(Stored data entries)
★ ★ ★ ★ ★
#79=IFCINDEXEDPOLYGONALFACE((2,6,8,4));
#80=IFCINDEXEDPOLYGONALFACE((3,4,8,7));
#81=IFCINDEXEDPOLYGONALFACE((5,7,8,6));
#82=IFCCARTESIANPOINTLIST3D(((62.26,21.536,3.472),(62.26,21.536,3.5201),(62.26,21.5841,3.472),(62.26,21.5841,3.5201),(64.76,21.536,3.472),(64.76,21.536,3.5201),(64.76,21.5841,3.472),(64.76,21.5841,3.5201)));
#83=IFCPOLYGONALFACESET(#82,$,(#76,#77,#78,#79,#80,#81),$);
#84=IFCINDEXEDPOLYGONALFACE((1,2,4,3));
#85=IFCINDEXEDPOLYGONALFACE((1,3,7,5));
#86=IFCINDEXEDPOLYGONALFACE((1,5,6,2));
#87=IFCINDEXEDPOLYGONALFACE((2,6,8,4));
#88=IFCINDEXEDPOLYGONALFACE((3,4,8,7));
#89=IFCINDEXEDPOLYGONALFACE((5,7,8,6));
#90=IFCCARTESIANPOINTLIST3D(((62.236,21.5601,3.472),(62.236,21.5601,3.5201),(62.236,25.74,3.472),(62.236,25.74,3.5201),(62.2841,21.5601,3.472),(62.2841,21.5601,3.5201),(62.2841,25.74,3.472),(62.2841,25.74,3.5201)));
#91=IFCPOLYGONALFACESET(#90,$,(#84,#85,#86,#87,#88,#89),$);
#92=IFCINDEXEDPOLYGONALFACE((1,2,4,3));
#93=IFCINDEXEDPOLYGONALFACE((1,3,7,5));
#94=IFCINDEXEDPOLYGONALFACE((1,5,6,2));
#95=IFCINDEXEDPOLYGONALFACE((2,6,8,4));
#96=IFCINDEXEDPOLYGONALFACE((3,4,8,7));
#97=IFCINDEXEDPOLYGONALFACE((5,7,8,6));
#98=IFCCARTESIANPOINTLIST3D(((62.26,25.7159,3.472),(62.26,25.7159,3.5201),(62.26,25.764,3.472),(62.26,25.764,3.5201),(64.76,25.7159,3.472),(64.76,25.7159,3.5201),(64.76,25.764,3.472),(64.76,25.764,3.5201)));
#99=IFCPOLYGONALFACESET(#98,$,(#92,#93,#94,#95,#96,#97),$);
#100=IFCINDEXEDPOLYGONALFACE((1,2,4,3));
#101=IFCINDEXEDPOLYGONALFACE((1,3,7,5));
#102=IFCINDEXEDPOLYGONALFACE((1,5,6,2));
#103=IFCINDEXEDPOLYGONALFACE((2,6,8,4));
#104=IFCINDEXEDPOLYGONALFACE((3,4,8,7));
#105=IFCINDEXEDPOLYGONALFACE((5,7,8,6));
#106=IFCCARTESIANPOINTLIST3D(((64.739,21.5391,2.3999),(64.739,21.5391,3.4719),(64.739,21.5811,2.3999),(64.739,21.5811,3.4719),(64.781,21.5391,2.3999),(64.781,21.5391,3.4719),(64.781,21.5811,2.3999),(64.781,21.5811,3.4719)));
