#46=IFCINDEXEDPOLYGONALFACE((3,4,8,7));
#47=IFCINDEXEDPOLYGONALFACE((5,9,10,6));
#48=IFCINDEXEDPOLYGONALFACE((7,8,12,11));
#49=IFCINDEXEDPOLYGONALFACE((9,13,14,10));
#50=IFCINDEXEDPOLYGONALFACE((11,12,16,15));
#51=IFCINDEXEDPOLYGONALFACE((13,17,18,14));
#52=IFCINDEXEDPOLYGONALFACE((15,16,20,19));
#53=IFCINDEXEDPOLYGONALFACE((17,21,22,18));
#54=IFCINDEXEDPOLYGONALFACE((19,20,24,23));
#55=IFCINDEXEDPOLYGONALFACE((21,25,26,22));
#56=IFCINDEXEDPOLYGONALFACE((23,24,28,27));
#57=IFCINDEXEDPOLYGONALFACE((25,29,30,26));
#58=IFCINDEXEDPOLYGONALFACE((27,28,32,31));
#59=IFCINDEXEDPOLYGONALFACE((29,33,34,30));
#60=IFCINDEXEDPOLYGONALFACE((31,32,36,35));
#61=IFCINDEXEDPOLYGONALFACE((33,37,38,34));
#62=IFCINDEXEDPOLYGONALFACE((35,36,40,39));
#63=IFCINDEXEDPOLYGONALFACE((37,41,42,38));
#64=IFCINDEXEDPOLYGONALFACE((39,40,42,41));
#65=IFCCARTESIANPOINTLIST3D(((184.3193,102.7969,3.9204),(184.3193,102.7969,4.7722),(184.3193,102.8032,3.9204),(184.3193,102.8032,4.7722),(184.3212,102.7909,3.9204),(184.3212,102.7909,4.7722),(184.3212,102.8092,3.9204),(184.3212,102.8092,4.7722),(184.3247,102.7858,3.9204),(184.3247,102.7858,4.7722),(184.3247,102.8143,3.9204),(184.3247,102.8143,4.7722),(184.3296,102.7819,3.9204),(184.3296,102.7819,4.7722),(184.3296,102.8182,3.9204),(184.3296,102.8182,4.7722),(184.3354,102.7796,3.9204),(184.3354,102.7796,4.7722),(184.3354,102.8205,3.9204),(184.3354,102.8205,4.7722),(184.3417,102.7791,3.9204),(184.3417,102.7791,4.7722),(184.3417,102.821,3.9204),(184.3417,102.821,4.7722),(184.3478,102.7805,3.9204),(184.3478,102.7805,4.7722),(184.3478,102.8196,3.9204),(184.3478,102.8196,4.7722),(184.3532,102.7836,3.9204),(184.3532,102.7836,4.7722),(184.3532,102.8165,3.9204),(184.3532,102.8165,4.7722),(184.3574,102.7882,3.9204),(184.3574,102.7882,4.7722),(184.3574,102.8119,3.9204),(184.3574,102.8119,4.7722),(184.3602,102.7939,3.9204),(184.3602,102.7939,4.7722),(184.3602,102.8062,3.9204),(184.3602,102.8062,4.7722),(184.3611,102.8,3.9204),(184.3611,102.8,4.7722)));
★ ★ ★ ★ ★
Work request: Output the first line of the entries above and every line after it, exactly as written, ending with the line that contains "#87=IFCINDEXEDPOLYGONALFACE((2,6,8,4));".

Exercise response:
#79=IFCINDEXEDPOLYGONALFACE((2,6,8,4));
#80=IFCINDEXEDPOLYGONALFACE((3,4,8,7));
#81=IFCINDEXEDPOLYGONALFACE((5,7,8,6));
#82=IFCCARTESIANPOINTLIST3D(((62.26,21.536,3.472),(62.26,21.536,3.5201),(62.26,21.5841,3.472),(62.26,21.5841,3.5201),(64.76,21.536,3.472),(64.76,21.536,3.5201),(64.76,21.5841,3.472),(64.76,21.5841,3.5201)));
#83=IFCPOLYGONALFACESET(#82,$,(#76,#77,#78,#79,#80,#81),$);
#84=IFCINDEXEDPOLYGONALFACE((1,2,4,3));
#85=IFCINDEXEDPOLYGONALFACE((1,3,7,5));
#86=IFCINDEXEDPOLYGONALFACE((1,5,6,2));
#87=IFCINDEXEDPOLYGONALFACE((2,6,8,4));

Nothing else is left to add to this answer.